# Problem details
Beneath this line is the data. Output exactly the lines from the line with "610x30 interior column',$,$,$,$,$,$,.COLUMN.);" to the line with "#216=IFCINDEXEDPOLYGONALFACE((5,7,8,6));", both ends included, and nothing more.

# Excerpted data
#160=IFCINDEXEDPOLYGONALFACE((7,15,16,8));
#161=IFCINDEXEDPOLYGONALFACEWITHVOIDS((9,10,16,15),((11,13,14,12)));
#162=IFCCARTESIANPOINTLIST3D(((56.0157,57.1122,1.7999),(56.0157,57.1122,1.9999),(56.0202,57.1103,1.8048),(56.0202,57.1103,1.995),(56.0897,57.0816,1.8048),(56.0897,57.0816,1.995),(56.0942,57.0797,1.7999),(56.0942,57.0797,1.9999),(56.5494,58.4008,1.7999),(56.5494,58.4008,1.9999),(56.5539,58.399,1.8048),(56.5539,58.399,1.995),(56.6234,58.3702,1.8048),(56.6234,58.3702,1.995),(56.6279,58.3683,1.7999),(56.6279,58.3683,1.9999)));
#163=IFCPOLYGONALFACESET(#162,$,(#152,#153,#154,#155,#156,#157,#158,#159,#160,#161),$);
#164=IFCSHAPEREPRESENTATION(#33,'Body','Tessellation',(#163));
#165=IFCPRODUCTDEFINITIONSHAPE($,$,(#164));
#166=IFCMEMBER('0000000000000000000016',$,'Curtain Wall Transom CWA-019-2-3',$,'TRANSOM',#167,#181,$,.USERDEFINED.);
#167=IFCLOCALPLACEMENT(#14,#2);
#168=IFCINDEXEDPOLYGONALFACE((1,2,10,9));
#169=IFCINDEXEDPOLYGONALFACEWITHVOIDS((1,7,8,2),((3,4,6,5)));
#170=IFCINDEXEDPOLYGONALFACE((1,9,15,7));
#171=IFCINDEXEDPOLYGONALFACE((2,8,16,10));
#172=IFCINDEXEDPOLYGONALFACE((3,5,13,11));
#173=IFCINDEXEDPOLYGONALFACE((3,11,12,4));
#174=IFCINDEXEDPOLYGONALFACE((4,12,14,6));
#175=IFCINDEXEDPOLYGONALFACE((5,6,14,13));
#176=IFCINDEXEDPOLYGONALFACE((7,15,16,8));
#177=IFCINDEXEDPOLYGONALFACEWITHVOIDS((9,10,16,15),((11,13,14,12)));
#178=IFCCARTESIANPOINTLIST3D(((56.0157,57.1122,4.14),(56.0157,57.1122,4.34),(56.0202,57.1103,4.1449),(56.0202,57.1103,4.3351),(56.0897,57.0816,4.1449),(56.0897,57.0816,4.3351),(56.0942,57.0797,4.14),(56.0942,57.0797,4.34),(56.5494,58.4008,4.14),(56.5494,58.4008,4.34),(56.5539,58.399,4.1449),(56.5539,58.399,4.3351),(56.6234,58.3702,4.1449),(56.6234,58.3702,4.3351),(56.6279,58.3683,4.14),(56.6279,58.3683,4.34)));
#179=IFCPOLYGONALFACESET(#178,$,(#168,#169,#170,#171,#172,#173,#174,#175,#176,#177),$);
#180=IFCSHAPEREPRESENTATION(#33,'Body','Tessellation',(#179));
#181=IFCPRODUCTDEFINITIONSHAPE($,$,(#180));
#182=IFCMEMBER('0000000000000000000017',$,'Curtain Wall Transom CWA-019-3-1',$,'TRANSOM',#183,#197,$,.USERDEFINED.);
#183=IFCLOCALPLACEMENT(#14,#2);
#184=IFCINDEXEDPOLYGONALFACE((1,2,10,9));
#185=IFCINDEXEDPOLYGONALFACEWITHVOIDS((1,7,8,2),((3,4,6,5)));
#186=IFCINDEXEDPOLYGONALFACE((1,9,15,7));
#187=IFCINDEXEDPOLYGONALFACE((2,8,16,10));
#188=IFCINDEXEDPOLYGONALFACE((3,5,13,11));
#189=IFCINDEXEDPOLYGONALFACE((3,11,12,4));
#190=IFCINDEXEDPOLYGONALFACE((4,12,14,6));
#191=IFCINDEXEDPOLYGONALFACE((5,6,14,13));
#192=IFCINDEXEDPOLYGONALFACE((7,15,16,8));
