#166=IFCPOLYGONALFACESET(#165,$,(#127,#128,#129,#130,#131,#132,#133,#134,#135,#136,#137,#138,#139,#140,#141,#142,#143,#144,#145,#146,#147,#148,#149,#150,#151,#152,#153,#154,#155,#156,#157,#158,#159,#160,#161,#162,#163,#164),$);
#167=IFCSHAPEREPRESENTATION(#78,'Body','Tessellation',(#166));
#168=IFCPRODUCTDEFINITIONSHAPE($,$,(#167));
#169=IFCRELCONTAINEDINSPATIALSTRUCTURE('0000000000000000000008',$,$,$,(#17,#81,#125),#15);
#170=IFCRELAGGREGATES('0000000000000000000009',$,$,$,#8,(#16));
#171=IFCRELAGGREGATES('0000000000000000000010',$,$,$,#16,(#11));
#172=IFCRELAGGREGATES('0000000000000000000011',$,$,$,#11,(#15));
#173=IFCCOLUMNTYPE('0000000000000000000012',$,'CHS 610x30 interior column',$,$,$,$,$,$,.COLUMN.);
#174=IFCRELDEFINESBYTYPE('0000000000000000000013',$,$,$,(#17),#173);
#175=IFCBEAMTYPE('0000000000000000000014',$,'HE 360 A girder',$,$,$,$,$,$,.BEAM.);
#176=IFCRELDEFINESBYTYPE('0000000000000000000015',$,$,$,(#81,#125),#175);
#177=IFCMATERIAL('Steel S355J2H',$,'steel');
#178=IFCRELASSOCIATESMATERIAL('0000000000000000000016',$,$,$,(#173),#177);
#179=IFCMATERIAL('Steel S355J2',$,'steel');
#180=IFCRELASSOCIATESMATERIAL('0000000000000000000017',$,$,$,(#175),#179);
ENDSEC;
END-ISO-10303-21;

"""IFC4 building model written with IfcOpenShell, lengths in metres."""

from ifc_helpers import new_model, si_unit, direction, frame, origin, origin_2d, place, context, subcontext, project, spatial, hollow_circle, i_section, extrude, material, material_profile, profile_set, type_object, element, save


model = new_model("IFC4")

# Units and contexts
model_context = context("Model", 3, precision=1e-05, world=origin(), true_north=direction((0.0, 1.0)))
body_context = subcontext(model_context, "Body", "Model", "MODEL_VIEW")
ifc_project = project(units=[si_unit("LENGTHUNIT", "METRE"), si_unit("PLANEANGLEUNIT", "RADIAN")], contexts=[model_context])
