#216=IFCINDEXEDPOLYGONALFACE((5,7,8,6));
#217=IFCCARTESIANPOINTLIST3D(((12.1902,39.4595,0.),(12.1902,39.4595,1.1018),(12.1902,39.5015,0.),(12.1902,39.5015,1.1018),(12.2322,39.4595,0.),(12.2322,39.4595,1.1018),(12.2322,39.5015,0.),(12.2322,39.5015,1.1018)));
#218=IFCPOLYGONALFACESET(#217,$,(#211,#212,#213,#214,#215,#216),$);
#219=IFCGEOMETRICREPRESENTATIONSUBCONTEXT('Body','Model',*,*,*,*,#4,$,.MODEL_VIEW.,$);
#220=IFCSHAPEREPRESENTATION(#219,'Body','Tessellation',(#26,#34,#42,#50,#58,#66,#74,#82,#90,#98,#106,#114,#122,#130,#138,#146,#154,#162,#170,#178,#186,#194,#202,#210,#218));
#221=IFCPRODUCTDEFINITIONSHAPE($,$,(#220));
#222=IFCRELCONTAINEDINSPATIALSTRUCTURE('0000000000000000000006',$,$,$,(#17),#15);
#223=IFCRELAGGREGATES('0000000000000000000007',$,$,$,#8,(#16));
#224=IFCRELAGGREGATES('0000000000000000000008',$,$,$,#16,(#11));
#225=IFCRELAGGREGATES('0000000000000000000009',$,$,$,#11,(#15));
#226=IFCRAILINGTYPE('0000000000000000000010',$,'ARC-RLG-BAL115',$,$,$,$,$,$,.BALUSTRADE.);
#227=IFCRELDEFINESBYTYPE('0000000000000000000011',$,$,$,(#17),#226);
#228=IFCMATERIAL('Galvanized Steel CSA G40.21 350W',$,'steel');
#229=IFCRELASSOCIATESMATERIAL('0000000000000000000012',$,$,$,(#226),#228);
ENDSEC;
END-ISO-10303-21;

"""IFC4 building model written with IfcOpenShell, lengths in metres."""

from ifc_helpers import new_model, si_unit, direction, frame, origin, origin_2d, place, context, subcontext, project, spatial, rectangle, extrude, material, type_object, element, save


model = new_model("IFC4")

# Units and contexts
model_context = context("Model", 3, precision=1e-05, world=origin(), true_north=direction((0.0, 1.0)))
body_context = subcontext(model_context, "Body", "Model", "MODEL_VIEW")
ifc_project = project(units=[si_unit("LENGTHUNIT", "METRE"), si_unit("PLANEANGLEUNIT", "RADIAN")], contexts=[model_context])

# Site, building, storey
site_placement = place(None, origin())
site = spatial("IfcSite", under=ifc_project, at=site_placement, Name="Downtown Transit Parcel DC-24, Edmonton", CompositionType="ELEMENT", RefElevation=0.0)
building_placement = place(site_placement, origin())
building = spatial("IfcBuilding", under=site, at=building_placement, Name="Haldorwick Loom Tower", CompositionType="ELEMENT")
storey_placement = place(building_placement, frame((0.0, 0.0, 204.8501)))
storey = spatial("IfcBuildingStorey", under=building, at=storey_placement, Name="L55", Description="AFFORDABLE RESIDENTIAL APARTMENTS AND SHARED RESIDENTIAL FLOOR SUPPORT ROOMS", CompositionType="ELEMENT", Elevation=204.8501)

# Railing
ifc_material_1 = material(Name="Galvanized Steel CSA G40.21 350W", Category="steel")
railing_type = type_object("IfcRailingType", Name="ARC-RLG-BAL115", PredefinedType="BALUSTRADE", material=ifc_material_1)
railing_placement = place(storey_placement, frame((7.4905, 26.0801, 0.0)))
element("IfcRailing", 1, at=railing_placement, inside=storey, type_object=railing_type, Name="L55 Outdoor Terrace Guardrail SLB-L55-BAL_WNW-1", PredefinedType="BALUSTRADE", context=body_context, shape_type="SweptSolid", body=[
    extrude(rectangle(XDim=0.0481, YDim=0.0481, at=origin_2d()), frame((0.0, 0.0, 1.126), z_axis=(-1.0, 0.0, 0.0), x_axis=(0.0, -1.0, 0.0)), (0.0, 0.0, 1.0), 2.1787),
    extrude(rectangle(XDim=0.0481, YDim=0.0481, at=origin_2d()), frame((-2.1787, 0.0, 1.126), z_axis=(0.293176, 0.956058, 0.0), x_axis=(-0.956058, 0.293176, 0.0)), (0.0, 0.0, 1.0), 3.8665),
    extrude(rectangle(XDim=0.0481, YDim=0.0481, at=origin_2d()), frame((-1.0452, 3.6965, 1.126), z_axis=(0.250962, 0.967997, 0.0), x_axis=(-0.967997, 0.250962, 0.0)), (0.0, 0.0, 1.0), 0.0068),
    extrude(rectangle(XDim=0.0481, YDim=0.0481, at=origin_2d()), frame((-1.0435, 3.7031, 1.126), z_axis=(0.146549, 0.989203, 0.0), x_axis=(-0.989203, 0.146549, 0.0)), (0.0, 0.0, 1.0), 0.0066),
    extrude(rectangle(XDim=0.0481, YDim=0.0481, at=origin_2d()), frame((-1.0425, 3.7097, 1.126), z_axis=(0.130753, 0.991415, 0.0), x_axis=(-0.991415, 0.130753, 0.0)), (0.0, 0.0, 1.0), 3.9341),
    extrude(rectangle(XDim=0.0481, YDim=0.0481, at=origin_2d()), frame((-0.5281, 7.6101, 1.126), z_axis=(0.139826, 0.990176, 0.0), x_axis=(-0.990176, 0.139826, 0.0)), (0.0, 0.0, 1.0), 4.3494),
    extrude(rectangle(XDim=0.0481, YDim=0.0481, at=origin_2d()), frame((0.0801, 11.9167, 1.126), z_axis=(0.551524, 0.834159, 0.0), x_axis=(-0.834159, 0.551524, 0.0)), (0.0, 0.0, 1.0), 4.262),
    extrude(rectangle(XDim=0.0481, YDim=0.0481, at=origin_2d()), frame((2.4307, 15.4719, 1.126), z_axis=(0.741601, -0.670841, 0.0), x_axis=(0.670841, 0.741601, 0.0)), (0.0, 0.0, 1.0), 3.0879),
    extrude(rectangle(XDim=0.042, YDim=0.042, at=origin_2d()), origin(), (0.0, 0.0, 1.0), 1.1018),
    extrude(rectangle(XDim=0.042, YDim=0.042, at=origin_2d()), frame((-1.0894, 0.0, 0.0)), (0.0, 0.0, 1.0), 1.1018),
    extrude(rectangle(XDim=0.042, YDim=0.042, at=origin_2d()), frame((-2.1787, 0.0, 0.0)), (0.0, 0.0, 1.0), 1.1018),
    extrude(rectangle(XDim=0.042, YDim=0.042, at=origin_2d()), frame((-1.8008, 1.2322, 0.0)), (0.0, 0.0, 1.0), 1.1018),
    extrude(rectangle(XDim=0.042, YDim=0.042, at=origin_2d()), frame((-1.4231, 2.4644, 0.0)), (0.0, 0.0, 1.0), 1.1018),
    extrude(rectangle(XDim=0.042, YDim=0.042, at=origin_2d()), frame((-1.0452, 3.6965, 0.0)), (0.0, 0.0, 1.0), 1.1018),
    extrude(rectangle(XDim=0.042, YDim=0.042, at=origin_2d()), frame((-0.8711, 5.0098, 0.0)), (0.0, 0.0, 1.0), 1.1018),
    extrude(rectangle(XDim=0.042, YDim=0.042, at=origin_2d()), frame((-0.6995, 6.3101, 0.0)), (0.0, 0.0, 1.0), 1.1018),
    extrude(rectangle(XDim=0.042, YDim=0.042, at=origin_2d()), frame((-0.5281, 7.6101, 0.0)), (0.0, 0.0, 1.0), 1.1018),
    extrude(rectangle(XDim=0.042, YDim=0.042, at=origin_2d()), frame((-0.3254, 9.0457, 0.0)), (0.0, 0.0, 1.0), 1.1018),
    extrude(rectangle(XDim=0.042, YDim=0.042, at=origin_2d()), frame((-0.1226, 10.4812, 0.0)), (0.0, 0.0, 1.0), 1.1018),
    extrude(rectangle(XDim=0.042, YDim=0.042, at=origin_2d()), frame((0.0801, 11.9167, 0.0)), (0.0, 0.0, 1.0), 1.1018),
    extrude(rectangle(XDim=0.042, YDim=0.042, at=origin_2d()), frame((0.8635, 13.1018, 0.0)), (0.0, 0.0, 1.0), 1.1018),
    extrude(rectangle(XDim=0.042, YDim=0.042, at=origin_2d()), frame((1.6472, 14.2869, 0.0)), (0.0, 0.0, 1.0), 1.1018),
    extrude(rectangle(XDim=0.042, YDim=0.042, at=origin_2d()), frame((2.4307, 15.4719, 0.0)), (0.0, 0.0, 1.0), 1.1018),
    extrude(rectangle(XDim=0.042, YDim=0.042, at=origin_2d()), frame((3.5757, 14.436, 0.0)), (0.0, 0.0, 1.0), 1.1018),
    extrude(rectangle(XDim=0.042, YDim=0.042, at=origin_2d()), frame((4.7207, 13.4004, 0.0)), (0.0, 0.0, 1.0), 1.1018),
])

# Answer space
#173=IFCCOLUMNTYPE('0000000000000000000012',$,'CHS 610x30 interior column',$,$,$,$,$,$,.COLUMN.);
#174=IFCRELDEFINESBYTYPE('0000000000000000000013',$,$,$,(#17),#173);
#175=IFCBEAMTYPE('0000000000000000000014',$,'HE 360 A girder',$,$,$,$,$,$,.BEAM.);
#176=IFCRELDEFINESBYTYPE('0000000000000000000015',$,$,$,(#81,#125),#175);
#177=IFCMATERIAL('Steel S355J2H',$,'steel');
#178=IFCRELASSOCIATESMATERIAL('0000000000000000000016',$,$,$,(#173),#177);
#179=IFCMATERIAL('Steel S355J2',$,'steel');
#180=IFCRELASSOCIATESMATERIAL('0000000000000000000017',$,$,$,(#175),#179);
ENDSEC;
END-ISO-10303-21;

"""IFC4 building model written with IfcOpenShell, lengths in metres."""

from ifc_helpers import new_model, si_unit, direction, frame, origin, origin_2d, place, context, subcontext, project, spatial, hollow_circle, i_section, extrude, material, material_profile, profile_set, type_object, element, save


model = new_model("IFC4")

# Units and contexts
model_context = context("Model", 3, precision=1e-05, world=origin(), true_north=direction((0.0, 1.0)))
body_context = subcontext(model_context, "Body", "Model", "MODEL_VIEW")
ifc_project = project(units=[si_unit("LENGTHUNIT", "METRE"), si_unit("PLANEANGLEUNIT", "RADIAN")], contexts=[model_context])
#216=IFCINDEXEDPOLYGONALFACE((5,7,8,6));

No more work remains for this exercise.